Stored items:
____

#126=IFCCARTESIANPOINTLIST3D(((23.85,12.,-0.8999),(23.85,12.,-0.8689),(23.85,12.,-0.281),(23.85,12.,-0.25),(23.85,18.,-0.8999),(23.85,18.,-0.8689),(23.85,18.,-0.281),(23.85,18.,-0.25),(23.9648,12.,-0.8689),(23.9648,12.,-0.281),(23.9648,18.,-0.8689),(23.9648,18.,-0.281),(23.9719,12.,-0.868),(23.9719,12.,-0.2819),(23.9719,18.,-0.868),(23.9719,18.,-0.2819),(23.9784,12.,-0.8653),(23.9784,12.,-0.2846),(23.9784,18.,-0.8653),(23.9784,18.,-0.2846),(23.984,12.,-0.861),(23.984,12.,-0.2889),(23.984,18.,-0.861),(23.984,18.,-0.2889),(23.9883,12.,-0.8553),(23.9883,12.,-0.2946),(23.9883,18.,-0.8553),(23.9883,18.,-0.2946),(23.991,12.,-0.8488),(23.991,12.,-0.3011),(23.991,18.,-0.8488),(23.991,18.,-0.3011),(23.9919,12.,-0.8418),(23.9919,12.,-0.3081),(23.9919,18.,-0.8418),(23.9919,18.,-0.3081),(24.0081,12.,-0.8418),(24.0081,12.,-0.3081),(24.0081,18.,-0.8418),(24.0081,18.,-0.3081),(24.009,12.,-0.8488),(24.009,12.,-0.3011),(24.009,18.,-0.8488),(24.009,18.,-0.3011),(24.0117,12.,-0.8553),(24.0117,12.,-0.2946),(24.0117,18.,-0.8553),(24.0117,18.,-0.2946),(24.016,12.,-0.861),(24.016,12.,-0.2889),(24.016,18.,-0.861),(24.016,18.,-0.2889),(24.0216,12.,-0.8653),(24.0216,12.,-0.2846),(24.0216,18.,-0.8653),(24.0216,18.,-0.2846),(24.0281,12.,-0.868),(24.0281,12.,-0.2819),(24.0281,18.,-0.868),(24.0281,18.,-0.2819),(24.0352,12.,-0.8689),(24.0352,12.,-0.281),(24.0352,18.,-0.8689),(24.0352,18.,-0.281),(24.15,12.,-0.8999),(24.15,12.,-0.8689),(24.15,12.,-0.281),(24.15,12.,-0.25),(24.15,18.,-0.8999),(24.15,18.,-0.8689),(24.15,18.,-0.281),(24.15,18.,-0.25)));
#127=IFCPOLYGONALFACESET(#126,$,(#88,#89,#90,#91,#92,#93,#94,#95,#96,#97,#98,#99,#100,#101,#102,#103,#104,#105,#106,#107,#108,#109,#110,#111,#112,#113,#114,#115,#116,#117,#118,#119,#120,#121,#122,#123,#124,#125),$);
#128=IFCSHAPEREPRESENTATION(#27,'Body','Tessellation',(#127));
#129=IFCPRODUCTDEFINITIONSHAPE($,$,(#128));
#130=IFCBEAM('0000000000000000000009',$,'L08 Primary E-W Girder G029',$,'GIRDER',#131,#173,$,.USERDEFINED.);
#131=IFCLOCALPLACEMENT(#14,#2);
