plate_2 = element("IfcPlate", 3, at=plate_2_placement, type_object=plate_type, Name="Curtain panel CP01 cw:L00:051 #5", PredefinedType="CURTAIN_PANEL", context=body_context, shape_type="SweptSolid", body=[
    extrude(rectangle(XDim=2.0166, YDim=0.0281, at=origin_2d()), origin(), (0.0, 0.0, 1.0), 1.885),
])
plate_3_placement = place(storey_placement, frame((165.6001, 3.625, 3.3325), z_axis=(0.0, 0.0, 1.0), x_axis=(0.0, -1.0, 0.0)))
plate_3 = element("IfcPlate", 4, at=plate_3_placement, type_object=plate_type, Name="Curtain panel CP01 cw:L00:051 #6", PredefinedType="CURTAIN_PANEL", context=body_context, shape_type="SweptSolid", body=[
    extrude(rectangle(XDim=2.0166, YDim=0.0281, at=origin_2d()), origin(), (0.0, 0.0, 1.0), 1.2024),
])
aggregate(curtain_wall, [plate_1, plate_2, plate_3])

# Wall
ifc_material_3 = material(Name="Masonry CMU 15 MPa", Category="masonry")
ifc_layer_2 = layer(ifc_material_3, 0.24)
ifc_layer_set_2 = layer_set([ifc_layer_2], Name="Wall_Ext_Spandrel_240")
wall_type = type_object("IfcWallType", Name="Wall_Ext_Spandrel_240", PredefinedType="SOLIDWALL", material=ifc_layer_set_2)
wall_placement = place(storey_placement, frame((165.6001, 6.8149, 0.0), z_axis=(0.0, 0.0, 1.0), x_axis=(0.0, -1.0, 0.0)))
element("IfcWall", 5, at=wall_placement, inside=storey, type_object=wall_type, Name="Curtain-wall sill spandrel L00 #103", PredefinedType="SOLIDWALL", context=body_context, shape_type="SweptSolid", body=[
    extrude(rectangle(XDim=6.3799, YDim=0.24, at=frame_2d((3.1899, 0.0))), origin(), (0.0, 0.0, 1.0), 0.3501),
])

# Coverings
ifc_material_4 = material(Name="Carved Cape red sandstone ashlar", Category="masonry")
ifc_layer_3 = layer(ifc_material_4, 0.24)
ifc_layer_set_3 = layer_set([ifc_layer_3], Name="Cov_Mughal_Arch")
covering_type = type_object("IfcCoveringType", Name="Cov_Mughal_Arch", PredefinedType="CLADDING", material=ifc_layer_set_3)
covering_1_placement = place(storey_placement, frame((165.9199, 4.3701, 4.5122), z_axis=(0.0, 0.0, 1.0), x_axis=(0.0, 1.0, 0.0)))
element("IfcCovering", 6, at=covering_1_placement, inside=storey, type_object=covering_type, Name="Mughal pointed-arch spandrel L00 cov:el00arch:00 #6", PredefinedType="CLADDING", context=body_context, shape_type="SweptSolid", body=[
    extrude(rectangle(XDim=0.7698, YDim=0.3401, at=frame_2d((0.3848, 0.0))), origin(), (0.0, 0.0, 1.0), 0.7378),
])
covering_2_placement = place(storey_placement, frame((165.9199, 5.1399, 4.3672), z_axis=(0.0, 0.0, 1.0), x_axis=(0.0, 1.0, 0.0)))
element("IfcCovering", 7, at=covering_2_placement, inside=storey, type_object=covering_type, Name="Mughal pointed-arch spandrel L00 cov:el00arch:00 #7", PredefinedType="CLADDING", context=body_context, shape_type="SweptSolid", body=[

____

### Problem description
Every line above holding the string "Category" should be listed.

### Exercise solution
ifc_material_3 = material(Name="Masonry CMU 15 MPa", Category="masonry")
ifc_material_4 = material(Name="Carved Cape red sandstone ashlar", Category="masonry")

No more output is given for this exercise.